:: Work task ::
Type again, exactly, the lines below from the start through the line that includes "#7=IFCUNITASSIGNMENT((#5,#6));".

:: Supplied records ::

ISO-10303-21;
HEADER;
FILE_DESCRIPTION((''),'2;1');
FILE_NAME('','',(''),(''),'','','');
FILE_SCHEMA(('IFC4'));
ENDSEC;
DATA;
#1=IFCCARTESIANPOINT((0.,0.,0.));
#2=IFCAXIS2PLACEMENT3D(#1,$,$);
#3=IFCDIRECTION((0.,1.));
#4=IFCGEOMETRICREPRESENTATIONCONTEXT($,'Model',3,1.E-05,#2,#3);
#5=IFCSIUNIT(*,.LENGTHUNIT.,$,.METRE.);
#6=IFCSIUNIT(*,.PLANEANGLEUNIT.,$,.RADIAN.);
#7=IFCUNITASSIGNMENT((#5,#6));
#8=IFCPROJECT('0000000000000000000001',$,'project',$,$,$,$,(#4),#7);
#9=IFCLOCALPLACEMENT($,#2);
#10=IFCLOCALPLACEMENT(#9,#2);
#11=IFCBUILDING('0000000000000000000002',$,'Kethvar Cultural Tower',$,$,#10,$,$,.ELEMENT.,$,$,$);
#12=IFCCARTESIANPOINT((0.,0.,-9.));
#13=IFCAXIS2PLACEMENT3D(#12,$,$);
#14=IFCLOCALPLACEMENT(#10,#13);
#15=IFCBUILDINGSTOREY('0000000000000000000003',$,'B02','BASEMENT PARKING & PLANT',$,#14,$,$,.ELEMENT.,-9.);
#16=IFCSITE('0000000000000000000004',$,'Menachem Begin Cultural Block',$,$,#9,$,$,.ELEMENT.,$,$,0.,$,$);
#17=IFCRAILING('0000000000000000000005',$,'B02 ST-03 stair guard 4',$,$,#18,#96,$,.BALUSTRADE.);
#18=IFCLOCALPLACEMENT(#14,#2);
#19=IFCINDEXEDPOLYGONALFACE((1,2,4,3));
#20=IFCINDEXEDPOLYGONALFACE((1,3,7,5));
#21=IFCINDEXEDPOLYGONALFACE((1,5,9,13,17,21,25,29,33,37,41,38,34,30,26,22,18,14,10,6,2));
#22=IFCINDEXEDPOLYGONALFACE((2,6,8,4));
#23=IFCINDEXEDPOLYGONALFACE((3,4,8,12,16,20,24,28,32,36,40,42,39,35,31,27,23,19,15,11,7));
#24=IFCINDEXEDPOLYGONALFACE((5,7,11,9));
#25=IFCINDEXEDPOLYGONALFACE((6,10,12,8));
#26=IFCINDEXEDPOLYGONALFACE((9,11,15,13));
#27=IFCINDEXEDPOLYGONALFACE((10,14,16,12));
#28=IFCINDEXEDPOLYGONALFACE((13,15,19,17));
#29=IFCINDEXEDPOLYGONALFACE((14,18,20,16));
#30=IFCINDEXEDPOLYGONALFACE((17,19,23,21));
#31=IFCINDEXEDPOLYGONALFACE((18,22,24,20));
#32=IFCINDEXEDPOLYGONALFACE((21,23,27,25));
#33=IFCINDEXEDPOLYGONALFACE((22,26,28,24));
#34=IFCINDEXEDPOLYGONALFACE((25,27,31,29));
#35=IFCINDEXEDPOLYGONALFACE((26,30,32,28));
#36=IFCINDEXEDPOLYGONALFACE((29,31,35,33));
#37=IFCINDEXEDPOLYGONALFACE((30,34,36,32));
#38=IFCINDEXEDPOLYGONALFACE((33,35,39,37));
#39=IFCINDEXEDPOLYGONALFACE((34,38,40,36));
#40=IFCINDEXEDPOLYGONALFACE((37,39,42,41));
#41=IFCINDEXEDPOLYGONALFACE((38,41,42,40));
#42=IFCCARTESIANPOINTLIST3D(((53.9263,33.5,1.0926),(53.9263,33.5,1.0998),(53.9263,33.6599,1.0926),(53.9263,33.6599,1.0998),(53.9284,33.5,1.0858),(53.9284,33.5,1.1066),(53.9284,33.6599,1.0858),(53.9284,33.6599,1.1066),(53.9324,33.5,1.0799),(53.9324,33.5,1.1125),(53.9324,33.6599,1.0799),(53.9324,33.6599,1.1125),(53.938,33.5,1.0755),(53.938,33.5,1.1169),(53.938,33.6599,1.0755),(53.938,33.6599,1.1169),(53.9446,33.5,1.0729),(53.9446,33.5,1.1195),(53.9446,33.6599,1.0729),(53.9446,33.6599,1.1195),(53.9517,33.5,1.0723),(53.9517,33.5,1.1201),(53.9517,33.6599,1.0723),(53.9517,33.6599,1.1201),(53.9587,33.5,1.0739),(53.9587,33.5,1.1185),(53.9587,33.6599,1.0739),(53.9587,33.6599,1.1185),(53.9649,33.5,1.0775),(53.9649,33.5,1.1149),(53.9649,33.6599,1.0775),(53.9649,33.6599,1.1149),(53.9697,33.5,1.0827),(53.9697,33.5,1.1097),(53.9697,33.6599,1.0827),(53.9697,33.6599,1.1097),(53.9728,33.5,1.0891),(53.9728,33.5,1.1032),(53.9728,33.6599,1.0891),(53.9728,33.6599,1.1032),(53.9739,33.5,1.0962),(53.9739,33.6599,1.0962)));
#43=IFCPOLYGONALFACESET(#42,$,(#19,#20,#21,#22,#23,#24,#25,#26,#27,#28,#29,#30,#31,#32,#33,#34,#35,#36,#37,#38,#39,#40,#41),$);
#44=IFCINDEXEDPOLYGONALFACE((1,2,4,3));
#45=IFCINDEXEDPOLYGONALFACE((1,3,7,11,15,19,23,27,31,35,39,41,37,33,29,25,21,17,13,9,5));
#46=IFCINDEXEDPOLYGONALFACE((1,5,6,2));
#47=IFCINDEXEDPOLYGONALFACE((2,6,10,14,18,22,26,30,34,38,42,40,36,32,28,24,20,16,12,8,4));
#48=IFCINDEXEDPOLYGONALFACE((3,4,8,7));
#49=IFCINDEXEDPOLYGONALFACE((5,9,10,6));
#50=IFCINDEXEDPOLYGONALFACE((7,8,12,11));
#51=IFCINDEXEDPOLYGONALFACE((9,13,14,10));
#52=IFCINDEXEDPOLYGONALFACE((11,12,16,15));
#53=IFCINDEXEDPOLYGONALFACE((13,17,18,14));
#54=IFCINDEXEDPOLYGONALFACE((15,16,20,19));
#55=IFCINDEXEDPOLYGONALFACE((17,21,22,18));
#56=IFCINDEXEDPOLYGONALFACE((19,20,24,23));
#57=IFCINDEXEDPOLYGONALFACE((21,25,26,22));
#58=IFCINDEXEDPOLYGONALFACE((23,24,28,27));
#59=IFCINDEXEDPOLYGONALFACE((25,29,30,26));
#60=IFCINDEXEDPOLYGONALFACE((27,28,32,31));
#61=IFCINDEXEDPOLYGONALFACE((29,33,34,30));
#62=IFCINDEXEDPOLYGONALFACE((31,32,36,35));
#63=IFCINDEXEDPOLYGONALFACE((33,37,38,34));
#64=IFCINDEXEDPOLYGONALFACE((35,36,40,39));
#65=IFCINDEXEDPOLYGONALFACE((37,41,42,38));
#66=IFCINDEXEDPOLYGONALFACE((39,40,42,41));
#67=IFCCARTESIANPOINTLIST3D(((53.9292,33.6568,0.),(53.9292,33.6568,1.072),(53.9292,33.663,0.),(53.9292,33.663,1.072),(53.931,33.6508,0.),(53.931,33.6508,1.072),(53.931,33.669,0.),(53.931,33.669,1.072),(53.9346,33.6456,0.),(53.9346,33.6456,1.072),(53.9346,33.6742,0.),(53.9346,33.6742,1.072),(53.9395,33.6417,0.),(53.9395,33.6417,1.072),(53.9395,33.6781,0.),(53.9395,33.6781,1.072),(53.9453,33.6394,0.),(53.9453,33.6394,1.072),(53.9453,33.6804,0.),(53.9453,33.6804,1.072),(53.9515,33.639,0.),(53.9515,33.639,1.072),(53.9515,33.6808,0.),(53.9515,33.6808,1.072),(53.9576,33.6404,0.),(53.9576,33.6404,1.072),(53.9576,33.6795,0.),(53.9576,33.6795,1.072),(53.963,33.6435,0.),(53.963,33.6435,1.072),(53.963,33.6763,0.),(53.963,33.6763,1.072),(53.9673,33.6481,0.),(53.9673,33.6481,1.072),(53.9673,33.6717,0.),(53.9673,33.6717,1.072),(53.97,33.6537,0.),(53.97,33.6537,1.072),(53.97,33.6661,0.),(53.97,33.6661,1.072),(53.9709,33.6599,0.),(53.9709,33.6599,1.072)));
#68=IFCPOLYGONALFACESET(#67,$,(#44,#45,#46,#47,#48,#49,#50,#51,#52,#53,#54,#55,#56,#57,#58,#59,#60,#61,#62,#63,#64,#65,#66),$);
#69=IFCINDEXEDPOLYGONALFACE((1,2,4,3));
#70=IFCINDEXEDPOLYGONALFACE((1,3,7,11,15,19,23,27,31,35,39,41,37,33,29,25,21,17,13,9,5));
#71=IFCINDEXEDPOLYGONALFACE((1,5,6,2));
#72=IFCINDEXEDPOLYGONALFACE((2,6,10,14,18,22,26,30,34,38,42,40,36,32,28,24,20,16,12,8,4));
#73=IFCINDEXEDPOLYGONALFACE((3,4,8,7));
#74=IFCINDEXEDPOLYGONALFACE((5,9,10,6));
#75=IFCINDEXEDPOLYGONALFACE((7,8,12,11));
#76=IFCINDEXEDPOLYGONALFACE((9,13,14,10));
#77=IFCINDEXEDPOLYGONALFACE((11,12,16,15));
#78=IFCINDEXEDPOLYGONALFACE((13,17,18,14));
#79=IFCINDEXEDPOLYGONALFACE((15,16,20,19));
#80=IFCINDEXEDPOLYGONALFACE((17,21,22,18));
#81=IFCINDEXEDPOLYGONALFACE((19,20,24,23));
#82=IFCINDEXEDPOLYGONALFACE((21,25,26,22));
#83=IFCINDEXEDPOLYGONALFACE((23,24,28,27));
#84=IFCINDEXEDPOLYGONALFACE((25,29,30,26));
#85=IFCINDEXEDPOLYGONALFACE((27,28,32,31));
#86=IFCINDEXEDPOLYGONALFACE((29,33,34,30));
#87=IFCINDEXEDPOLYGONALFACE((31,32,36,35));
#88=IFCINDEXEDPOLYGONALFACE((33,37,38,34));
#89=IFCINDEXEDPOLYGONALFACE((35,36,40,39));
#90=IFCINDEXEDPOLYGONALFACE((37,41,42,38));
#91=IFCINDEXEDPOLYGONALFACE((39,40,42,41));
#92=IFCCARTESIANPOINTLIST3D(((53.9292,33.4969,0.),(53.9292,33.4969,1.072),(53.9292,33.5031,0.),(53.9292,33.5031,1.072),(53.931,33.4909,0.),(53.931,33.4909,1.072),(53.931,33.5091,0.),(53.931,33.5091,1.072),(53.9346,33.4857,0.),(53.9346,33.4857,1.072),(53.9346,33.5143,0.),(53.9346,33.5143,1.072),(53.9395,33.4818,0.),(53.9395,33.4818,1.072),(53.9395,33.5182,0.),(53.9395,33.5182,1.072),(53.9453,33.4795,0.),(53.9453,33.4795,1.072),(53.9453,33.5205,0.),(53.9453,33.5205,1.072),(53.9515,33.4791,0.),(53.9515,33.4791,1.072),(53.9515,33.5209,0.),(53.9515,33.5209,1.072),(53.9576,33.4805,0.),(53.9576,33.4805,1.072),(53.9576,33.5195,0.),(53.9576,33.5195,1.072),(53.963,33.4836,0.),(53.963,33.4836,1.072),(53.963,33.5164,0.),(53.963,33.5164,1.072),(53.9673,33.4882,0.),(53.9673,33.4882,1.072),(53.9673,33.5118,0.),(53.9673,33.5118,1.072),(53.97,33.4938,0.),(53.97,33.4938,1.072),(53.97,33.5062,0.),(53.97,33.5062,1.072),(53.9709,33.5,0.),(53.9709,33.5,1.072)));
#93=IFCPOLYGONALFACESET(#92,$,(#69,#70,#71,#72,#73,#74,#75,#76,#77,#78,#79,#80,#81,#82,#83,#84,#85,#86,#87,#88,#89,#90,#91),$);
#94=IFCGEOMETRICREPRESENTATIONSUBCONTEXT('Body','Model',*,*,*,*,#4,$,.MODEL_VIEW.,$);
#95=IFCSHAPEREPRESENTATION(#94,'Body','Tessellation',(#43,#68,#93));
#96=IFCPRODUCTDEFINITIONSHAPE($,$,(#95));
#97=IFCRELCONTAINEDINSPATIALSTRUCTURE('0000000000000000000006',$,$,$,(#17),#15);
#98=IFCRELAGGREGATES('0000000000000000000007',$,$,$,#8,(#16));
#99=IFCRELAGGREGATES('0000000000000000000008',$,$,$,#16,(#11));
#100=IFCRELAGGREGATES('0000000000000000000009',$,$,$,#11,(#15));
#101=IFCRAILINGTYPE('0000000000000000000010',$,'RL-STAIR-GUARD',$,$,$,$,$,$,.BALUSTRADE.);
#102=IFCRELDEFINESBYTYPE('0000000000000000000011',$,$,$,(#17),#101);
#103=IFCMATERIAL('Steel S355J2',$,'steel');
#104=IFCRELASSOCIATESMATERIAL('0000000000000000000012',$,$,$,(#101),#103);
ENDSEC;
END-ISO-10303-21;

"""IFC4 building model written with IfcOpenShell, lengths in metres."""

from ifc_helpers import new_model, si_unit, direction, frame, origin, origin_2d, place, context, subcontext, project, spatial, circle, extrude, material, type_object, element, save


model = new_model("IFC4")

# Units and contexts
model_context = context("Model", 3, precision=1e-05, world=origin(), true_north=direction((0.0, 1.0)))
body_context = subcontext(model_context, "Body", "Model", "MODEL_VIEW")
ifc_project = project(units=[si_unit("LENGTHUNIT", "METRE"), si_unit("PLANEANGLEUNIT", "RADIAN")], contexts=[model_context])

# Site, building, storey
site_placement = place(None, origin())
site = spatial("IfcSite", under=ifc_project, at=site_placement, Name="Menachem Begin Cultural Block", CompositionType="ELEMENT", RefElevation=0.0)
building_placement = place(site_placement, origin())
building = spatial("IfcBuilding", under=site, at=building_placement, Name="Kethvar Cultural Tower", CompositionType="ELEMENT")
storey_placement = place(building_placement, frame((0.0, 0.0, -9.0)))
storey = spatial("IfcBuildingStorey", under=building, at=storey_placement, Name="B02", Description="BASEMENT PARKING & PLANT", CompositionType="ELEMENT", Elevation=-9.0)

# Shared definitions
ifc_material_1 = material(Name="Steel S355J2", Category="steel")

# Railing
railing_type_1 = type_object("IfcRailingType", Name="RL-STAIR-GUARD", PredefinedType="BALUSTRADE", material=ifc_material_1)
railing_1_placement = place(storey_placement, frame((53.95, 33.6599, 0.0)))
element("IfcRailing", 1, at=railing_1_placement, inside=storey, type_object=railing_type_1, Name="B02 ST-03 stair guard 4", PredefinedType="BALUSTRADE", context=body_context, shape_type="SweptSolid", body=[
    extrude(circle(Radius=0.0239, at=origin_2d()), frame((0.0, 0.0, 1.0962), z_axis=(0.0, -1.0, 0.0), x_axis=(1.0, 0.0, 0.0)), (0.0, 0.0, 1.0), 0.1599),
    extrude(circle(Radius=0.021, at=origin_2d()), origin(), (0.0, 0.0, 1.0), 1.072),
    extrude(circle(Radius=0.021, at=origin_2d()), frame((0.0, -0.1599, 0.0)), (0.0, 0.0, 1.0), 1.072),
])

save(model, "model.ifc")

:: Exercise response ::
ISO-10303-21;
HEADER;
FILE_DESCRIPTION((''),'2;1');
FILE_NAME('','',(''),(''),'','','');
FILE_SCHEMA(('IFC4'));
ENDSEC;
DATA;
#1=IFCCARTESIANPOINT((0.,0.,0.));
#2=IFCAXIS2PLACEMENT3D(#1,$,$);
#3=IFCDIRECTION((0.,1.));
#4=IFCGEOMETRICREPRESENTATIONCONTEXT($,'Model',3,1.E-05,#2,#3);
#5=IFCSIUNIT(*,.LENGTHUNIT.,$,.METRE.);
#6=IFCSIUNIT(*,.PLANEANGLEUNIT.,$,.RADIAN.);
#7=IFCUNITASSIGNMENT((#5,#6));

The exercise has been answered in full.